* Available data
•••••

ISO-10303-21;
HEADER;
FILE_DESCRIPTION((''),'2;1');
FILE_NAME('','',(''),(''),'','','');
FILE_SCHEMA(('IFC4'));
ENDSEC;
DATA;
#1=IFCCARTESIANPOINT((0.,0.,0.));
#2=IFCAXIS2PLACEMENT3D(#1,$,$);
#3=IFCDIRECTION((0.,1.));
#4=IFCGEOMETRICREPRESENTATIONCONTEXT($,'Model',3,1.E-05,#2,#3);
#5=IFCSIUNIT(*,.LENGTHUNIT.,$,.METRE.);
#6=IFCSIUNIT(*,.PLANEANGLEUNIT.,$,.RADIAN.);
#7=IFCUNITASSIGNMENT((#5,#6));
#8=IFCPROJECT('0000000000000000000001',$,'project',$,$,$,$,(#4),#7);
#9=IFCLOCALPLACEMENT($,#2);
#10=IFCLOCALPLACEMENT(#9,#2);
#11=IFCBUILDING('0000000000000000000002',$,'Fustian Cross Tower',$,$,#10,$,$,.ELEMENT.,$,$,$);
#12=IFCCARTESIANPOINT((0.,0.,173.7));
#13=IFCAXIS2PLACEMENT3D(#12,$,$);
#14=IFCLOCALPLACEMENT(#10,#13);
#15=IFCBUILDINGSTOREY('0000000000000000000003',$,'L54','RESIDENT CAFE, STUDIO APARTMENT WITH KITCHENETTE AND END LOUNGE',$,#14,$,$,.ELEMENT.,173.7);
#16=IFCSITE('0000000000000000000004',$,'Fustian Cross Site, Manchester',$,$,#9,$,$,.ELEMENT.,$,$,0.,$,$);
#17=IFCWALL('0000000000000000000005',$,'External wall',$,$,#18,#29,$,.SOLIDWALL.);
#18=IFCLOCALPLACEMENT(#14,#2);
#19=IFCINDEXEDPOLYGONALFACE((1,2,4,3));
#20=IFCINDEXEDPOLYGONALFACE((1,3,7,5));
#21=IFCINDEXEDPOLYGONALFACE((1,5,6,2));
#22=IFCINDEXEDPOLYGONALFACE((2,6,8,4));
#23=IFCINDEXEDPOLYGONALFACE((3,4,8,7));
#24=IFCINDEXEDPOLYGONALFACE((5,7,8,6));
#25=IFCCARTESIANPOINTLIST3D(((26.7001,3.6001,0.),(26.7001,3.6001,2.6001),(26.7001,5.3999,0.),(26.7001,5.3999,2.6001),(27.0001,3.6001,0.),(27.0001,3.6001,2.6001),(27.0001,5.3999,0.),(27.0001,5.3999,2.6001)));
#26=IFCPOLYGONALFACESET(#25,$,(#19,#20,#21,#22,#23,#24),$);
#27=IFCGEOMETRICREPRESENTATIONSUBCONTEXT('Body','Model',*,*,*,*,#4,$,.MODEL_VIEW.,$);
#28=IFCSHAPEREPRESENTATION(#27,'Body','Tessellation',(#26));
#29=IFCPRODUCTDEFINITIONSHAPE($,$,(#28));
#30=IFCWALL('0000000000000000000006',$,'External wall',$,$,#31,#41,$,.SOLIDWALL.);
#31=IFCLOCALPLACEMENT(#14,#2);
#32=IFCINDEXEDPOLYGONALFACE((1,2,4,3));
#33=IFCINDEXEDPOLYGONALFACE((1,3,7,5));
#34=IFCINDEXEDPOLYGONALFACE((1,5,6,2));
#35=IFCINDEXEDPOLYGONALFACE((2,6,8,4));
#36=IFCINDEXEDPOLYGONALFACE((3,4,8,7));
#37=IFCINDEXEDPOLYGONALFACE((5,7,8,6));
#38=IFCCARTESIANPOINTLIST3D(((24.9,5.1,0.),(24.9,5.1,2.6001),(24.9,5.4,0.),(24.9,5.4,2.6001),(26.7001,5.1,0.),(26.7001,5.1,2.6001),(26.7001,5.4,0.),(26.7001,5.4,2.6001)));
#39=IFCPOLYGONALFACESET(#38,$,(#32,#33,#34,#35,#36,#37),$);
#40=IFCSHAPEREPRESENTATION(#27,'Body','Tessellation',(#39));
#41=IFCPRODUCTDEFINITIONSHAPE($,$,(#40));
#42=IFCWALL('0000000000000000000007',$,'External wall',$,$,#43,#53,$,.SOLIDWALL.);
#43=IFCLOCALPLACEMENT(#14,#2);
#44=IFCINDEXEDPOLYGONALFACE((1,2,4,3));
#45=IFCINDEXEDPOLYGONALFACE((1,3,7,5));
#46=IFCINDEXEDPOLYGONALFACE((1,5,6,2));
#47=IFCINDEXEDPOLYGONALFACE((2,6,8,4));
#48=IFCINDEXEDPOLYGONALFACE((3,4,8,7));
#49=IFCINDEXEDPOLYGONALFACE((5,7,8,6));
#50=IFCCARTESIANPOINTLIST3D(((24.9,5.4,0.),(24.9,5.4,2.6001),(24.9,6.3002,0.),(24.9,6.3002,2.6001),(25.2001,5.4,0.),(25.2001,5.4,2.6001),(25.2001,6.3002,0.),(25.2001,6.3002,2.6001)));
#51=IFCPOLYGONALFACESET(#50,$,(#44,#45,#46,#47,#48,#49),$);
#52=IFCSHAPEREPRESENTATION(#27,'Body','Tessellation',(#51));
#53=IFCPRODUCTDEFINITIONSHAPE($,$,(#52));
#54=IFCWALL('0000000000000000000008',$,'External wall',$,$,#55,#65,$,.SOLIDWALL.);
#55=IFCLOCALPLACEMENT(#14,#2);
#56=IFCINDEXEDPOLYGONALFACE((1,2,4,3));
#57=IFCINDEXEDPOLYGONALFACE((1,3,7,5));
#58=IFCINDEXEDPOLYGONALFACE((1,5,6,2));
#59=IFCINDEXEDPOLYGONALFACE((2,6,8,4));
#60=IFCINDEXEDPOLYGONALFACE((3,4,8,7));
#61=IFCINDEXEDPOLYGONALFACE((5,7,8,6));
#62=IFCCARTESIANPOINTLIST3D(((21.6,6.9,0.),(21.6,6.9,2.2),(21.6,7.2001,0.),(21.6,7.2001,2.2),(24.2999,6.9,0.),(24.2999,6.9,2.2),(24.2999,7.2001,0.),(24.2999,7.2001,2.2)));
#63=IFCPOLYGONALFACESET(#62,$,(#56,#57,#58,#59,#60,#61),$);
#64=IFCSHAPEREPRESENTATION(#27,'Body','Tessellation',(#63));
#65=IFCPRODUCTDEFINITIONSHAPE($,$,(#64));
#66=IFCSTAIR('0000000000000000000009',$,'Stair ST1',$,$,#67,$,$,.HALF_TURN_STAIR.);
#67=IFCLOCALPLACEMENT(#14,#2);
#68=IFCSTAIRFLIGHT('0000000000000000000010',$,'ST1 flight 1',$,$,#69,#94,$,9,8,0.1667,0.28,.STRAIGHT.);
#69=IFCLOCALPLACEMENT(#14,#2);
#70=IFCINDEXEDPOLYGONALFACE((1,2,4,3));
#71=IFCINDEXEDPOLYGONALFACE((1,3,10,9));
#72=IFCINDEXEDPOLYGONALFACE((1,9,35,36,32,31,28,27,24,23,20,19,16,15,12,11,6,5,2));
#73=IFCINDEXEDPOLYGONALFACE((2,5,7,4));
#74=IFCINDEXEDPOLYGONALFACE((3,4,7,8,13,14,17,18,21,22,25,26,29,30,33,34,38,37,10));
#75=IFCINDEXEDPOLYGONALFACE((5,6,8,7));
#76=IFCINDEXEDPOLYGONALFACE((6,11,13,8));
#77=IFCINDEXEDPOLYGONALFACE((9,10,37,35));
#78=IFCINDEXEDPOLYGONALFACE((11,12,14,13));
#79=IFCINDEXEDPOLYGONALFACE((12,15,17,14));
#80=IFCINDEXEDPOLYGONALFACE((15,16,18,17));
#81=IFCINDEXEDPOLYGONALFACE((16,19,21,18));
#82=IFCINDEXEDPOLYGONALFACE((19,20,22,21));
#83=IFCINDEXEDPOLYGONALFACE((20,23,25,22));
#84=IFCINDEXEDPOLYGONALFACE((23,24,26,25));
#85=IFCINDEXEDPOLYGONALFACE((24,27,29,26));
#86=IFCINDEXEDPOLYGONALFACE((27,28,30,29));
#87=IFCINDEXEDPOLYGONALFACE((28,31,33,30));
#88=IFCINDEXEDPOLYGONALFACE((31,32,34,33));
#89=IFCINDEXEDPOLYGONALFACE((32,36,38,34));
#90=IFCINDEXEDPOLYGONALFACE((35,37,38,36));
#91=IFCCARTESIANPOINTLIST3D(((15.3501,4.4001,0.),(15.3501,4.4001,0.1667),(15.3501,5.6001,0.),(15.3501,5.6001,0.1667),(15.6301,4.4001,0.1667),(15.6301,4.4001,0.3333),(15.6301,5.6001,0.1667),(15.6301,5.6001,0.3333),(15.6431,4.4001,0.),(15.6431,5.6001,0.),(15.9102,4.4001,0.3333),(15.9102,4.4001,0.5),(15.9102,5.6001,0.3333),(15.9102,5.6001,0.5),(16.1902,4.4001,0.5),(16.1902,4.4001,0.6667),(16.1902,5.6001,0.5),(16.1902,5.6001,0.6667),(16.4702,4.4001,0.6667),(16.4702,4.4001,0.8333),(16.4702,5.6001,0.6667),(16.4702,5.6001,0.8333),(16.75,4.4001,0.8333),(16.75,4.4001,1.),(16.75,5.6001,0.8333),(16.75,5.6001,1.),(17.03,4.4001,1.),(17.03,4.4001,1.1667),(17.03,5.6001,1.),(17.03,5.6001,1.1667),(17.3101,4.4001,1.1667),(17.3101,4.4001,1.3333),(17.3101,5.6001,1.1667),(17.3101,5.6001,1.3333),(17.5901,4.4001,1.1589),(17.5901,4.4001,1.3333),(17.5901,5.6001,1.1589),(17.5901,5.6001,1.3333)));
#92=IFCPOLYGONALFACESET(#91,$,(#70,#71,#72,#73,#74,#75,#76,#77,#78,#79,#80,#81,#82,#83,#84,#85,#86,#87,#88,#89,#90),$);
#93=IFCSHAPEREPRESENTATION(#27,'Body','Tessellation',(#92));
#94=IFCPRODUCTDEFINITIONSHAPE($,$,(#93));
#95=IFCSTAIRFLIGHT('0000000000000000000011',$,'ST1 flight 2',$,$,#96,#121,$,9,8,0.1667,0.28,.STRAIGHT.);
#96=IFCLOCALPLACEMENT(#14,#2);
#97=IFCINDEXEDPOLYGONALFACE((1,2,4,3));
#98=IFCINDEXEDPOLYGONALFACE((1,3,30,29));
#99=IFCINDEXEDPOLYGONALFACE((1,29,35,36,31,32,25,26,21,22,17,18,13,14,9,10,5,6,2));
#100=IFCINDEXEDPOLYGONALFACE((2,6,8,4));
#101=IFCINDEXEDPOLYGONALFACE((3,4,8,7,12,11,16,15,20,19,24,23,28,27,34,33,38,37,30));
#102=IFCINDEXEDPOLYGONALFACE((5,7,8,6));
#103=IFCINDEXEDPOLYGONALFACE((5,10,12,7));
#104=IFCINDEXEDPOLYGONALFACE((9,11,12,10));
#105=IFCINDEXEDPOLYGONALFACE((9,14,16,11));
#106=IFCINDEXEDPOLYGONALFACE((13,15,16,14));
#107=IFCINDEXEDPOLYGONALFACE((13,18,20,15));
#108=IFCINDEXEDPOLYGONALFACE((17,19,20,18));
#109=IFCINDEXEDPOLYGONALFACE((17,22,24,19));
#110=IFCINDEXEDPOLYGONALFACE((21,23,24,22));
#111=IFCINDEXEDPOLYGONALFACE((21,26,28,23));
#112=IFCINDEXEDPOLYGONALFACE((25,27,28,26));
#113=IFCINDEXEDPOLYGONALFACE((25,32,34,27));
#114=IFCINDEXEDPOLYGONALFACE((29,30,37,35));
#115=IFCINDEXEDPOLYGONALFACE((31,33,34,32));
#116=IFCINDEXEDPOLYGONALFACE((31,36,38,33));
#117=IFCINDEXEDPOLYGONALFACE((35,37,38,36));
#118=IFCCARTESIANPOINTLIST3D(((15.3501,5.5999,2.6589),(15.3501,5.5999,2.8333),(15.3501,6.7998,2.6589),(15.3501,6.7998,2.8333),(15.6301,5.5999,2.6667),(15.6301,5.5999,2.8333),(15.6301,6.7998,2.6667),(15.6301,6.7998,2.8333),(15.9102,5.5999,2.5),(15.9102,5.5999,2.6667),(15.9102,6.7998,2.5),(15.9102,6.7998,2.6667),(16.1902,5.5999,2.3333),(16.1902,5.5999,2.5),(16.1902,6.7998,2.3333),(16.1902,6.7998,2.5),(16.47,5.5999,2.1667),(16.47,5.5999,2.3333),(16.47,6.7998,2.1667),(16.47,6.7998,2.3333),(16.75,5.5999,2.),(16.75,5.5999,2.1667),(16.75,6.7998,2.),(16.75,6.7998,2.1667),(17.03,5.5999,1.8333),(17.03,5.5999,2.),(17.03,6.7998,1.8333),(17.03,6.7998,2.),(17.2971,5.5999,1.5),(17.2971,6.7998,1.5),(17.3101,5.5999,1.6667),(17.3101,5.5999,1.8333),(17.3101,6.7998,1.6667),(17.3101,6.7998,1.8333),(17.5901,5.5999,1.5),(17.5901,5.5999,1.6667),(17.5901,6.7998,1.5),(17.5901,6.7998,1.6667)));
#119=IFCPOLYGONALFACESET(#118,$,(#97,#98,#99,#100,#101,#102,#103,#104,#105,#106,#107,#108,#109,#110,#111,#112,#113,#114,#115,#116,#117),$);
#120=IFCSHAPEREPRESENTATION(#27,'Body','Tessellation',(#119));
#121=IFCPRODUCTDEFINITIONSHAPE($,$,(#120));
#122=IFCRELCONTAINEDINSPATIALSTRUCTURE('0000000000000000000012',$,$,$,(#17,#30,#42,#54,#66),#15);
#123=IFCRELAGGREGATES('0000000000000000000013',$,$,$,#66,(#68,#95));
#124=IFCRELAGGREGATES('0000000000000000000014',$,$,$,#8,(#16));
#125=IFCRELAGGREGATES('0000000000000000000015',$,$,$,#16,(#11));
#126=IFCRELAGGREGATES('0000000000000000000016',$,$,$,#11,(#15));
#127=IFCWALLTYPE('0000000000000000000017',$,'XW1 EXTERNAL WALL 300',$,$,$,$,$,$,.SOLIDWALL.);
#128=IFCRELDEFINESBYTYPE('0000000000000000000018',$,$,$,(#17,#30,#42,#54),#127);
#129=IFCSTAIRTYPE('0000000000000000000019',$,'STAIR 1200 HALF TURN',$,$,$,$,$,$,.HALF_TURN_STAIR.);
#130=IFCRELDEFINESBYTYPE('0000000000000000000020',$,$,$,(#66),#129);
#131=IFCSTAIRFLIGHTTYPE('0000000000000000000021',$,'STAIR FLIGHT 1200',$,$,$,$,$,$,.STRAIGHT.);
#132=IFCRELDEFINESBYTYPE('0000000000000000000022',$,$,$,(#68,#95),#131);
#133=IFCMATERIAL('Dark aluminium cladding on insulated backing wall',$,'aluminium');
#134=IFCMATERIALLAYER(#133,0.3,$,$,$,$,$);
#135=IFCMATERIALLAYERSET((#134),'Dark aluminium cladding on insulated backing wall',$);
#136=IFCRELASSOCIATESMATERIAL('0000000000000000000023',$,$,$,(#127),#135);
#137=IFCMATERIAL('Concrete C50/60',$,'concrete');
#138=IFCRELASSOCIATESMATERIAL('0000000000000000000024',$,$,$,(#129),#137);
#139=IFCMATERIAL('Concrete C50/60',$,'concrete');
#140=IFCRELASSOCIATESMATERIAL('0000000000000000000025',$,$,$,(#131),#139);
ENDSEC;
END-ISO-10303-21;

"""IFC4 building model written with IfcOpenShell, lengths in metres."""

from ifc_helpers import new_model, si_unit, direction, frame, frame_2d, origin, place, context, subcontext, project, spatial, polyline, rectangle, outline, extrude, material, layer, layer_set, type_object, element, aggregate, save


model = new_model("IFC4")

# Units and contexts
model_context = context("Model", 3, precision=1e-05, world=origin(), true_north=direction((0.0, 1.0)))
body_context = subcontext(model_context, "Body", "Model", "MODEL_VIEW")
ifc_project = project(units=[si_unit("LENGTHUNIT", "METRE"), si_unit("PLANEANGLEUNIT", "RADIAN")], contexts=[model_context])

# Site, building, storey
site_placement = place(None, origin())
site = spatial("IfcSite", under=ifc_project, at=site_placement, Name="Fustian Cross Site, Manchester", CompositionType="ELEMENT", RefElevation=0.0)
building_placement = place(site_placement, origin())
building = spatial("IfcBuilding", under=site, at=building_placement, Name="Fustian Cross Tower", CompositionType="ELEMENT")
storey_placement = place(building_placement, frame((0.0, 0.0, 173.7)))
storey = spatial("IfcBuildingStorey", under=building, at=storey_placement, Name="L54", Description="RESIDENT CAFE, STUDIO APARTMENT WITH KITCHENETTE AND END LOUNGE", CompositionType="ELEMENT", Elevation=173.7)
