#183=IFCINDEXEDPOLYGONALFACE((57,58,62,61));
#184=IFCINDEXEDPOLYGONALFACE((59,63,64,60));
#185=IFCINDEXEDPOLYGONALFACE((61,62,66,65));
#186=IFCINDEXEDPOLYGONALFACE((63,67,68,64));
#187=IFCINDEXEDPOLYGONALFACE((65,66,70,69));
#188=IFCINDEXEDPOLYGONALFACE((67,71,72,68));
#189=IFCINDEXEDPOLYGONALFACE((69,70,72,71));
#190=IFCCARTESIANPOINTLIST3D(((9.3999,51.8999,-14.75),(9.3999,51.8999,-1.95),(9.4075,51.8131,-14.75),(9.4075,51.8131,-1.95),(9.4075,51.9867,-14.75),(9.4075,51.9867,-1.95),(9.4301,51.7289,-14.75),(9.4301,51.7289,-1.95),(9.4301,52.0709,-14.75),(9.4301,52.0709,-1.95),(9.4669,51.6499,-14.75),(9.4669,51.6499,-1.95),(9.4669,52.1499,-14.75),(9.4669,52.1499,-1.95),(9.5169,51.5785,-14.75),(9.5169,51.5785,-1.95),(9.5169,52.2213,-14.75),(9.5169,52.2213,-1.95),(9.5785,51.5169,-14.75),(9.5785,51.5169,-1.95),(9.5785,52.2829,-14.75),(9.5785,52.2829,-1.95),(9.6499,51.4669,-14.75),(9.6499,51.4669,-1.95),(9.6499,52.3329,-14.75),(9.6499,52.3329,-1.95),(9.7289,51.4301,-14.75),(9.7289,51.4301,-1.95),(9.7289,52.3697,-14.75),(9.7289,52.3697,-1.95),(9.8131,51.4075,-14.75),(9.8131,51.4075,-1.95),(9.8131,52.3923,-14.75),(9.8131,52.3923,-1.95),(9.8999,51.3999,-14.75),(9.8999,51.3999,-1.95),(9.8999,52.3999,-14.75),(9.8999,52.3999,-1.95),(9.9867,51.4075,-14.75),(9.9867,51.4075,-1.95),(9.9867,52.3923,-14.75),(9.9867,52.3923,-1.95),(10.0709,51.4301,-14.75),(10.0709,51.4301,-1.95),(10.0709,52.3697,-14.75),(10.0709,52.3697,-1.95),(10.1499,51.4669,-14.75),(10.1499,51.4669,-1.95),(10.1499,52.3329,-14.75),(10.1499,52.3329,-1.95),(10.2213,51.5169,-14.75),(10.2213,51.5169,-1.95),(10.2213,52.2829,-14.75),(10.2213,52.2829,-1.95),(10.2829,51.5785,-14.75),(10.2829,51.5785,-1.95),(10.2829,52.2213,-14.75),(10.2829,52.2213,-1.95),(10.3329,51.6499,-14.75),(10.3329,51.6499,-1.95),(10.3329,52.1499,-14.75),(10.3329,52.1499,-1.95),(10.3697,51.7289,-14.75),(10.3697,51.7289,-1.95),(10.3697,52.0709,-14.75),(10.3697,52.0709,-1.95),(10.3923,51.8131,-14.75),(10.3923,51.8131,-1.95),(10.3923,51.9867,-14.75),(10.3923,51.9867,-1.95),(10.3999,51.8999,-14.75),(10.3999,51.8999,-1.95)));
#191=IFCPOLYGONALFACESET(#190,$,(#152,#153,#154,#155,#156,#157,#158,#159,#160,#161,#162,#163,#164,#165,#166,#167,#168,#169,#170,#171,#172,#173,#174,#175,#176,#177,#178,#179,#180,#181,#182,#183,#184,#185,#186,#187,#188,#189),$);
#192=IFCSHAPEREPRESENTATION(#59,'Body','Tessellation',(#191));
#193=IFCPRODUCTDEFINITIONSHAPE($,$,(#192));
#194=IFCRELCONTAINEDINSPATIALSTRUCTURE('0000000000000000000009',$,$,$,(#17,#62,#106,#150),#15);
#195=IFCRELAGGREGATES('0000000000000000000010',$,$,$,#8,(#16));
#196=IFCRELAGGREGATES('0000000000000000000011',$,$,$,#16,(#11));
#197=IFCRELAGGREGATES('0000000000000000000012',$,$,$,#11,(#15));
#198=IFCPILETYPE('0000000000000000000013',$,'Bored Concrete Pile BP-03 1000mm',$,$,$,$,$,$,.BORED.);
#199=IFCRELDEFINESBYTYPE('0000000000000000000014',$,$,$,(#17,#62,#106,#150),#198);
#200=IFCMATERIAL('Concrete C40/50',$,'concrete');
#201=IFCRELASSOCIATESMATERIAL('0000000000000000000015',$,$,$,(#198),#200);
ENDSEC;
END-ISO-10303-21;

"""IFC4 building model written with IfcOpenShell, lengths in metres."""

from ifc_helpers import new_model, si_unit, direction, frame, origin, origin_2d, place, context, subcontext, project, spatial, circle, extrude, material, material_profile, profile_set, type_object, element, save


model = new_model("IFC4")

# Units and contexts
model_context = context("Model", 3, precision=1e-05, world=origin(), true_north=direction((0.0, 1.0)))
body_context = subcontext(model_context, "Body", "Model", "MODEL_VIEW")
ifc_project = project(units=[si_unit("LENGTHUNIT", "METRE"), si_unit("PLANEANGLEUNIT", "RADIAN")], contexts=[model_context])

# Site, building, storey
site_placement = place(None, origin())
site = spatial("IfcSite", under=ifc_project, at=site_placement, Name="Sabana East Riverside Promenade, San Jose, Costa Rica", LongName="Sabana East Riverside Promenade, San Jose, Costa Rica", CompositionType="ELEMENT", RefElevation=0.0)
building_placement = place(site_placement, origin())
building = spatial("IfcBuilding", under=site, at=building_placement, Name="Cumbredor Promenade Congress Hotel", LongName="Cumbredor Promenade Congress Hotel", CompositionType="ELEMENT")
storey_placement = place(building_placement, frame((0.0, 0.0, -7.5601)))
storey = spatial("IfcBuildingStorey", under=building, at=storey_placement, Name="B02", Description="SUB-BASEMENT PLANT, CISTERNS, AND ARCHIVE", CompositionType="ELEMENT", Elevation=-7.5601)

•••••

* Work to be completed
Across the data above, how many lines carry the word "Dark"? Only the number is needed.

* Exercise result
2